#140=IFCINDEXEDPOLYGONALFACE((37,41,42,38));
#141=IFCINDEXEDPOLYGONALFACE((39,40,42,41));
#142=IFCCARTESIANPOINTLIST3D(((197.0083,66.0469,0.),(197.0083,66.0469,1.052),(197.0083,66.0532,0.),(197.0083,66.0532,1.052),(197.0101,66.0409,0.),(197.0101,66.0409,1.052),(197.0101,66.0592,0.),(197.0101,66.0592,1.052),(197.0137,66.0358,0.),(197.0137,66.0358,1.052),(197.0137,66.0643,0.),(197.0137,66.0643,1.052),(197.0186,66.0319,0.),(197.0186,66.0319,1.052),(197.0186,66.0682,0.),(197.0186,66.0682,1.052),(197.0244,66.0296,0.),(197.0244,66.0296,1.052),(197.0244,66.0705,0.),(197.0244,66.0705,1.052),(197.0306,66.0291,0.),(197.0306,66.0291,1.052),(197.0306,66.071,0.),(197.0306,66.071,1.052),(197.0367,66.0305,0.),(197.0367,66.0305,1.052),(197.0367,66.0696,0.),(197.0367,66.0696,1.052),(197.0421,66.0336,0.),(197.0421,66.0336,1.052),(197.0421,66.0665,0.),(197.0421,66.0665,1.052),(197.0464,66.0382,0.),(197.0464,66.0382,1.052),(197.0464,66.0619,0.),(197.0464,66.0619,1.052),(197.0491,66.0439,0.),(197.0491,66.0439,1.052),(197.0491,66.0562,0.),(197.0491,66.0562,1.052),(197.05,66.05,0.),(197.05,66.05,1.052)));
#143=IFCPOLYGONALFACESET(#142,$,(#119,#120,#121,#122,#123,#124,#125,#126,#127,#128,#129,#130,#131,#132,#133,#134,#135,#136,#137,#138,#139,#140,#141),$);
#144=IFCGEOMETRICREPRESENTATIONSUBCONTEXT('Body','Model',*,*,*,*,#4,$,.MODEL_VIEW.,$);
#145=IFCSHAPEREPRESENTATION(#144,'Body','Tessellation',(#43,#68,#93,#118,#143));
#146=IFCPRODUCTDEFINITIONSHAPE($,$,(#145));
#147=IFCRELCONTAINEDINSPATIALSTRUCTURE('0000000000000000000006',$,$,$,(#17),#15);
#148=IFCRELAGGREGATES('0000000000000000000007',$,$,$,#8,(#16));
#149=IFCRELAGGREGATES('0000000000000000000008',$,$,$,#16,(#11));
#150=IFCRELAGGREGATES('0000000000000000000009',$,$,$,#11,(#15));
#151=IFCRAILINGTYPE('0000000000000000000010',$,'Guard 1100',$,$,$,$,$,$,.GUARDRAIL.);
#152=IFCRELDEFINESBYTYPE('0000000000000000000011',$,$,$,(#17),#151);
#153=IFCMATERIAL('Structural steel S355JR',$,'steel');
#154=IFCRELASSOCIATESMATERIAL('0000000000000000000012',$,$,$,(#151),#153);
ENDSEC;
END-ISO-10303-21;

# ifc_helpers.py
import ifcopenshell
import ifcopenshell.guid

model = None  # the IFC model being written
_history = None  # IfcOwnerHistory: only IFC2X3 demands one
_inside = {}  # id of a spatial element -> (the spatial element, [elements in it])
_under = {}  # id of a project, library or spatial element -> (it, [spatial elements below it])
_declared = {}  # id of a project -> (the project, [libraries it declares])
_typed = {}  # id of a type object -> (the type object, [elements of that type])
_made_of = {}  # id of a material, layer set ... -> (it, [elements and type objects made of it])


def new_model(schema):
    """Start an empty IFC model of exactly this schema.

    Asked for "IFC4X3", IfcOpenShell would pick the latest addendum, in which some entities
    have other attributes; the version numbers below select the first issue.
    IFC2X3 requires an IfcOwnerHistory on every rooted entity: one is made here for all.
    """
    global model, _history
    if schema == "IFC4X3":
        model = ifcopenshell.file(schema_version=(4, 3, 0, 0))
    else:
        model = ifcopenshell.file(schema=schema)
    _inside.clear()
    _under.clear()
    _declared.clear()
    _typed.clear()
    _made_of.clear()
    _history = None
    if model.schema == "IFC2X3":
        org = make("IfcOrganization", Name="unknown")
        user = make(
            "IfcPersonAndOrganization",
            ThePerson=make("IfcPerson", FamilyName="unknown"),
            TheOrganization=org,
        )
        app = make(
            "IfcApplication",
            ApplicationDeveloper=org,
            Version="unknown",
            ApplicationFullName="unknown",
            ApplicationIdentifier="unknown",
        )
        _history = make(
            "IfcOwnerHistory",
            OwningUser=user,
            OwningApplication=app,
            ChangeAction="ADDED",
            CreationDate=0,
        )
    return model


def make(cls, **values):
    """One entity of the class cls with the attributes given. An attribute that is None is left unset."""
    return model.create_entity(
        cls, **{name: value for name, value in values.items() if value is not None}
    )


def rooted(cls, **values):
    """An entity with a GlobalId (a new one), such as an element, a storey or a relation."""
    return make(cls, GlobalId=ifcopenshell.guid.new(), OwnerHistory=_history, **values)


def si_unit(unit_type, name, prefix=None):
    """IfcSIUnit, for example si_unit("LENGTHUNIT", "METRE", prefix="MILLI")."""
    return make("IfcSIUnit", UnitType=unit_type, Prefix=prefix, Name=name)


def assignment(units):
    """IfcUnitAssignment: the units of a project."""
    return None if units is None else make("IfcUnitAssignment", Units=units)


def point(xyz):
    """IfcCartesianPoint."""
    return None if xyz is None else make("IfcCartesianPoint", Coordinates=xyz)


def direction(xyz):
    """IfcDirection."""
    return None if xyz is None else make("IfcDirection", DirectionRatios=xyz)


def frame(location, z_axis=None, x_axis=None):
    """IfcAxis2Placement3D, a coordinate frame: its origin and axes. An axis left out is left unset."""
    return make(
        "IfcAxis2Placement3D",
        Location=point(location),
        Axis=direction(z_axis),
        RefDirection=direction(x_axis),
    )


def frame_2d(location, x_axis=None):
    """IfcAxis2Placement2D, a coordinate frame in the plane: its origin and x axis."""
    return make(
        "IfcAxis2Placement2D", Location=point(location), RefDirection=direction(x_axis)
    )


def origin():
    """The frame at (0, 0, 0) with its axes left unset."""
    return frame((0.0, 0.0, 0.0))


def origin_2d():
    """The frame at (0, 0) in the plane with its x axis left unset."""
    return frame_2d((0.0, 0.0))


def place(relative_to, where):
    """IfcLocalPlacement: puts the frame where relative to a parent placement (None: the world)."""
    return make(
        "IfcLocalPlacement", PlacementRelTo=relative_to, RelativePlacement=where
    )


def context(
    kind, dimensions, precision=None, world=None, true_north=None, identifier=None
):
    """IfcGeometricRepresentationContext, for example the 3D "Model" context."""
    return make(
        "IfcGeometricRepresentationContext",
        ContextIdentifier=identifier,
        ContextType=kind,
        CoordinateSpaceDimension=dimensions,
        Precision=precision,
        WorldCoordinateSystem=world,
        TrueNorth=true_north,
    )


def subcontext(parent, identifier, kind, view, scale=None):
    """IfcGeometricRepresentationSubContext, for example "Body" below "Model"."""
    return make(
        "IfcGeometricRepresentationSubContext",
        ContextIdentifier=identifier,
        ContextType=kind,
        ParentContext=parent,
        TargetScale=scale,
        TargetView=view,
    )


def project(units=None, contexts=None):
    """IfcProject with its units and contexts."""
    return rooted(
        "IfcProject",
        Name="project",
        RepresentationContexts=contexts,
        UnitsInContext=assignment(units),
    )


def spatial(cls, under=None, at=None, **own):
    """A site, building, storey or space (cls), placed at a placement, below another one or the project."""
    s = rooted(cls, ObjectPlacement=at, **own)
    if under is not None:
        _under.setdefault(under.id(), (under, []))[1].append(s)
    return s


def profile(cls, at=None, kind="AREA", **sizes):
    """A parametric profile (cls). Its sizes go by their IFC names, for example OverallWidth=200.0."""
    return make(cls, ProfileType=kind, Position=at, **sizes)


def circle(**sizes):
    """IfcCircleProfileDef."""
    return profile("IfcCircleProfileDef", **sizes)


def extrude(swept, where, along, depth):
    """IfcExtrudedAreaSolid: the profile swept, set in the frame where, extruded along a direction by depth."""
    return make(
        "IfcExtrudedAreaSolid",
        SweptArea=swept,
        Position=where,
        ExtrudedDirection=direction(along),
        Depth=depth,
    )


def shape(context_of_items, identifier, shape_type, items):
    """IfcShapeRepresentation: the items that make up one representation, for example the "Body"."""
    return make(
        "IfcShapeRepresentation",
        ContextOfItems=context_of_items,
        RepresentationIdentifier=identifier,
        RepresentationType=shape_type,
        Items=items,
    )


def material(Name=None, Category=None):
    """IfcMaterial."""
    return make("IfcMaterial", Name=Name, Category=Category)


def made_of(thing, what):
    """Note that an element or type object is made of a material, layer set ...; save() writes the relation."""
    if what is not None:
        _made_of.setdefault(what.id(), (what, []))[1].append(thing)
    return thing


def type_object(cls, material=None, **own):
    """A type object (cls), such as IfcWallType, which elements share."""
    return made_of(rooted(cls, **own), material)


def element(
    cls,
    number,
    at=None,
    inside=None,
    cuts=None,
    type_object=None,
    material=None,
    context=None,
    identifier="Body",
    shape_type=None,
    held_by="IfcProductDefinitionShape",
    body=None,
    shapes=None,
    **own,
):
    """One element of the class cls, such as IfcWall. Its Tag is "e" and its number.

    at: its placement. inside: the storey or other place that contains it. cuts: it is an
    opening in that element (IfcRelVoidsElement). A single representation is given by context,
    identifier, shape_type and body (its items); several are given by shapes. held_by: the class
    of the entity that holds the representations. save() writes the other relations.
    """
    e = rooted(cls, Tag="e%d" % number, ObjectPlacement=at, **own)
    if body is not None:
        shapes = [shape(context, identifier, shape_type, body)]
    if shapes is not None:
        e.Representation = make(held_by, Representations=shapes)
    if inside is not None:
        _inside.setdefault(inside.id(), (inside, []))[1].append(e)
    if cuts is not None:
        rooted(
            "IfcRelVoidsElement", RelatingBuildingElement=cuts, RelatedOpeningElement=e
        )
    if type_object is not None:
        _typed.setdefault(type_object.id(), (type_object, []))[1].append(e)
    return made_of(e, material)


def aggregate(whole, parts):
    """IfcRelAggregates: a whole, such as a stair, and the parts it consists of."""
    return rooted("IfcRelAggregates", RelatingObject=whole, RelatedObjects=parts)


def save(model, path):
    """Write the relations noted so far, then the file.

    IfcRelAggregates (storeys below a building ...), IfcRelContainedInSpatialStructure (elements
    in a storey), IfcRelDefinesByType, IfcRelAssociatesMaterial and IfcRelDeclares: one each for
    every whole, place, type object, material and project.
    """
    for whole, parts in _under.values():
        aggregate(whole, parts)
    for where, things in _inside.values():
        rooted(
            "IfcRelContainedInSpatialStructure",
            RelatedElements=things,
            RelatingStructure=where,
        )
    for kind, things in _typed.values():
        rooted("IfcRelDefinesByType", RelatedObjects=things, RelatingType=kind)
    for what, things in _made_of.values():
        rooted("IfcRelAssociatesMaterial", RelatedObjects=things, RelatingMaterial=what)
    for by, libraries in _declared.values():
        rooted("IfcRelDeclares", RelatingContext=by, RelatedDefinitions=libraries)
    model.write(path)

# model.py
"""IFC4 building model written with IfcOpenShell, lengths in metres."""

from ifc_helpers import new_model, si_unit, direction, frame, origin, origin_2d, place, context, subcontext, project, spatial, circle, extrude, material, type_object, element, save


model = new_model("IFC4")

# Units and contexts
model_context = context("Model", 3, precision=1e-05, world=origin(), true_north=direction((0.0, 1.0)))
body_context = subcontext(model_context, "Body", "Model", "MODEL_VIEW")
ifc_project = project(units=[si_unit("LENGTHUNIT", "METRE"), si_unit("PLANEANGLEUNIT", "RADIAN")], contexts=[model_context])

☆ ☆ ☆ ☆

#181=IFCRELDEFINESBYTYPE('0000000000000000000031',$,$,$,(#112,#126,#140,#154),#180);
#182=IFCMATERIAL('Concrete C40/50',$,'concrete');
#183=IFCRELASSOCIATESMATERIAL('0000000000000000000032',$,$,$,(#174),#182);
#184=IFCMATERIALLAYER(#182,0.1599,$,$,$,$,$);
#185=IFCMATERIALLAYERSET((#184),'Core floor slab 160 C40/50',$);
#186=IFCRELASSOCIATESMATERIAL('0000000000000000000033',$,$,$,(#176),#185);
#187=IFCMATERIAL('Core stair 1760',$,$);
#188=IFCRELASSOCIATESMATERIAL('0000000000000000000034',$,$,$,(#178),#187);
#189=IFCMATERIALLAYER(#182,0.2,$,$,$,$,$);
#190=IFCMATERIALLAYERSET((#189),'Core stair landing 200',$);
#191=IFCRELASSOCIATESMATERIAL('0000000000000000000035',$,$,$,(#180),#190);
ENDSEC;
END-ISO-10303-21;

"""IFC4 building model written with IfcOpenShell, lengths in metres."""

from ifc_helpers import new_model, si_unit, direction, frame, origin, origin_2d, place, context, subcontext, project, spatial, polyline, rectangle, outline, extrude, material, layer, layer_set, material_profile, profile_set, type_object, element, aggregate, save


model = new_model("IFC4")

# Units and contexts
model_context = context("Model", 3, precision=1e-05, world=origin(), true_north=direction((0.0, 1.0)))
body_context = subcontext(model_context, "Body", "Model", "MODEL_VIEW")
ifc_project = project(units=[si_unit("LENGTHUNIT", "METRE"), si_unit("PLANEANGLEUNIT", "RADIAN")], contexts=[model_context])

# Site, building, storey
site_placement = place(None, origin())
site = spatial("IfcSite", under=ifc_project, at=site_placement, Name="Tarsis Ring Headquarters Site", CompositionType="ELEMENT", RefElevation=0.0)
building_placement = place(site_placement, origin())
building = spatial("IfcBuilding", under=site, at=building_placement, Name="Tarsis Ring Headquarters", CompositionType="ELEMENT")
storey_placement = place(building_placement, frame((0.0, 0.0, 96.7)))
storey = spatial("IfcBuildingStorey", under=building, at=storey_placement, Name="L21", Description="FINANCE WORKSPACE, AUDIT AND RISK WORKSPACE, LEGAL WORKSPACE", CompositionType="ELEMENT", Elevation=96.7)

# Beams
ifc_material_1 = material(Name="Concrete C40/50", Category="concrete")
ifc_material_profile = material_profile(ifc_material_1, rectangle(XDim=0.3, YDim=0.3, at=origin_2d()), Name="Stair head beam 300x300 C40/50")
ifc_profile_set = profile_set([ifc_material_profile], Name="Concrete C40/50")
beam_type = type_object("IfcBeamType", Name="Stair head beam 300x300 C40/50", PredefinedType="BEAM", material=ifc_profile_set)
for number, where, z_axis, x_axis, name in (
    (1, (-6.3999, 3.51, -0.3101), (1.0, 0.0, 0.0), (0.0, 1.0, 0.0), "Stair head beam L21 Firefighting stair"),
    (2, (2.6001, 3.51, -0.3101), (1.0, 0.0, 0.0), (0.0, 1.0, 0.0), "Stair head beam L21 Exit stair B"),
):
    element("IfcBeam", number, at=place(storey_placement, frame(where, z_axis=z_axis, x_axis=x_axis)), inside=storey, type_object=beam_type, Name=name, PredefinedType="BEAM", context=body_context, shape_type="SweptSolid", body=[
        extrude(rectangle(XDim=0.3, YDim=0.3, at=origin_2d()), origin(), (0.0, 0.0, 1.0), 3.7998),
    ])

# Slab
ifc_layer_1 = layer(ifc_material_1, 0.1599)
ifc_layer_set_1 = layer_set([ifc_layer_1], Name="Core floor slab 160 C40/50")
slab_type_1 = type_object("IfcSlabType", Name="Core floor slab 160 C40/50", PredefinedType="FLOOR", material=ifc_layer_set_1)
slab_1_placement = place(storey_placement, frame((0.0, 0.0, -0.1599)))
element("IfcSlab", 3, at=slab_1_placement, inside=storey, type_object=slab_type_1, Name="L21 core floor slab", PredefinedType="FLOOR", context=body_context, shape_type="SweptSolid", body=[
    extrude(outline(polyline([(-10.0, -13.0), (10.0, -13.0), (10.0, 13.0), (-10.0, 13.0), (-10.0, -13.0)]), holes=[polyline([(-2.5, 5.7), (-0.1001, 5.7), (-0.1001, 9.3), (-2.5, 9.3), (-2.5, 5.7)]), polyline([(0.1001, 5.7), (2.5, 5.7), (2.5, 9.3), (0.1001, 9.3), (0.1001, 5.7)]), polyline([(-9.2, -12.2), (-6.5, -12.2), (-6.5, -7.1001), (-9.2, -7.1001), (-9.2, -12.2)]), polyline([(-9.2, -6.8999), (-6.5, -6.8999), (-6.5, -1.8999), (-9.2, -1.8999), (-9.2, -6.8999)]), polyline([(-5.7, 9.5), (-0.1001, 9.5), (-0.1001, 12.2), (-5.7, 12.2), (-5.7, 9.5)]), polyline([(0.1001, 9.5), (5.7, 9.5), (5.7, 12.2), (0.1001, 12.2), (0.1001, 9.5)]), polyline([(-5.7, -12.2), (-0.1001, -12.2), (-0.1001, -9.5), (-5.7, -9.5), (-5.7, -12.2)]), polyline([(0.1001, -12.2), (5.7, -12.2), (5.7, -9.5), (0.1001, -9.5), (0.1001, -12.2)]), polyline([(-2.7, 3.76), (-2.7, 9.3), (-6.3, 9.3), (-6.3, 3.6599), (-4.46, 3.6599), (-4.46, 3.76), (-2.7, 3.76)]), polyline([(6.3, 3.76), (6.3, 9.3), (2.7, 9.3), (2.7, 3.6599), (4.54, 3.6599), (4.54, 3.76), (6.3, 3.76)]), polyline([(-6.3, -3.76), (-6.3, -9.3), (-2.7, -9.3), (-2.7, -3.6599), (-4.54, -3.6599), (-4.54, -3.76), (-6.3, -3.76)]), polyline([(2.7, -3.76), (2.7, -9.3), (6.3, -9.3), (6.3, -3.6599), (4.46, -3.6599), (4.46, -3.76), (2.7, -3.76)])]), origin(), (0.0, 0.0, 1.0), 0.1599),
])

☆ ☆ ☆ ☆

Your objective: Among the records above, find each line containing the string "Category" and copy it.

Response:
def material(Name=None, Category=None):
    return make("IfcMaterial", Name=Name, Category=Category)
ifc_material_1 = material(Name="Concrete C40/50", Category="concrete")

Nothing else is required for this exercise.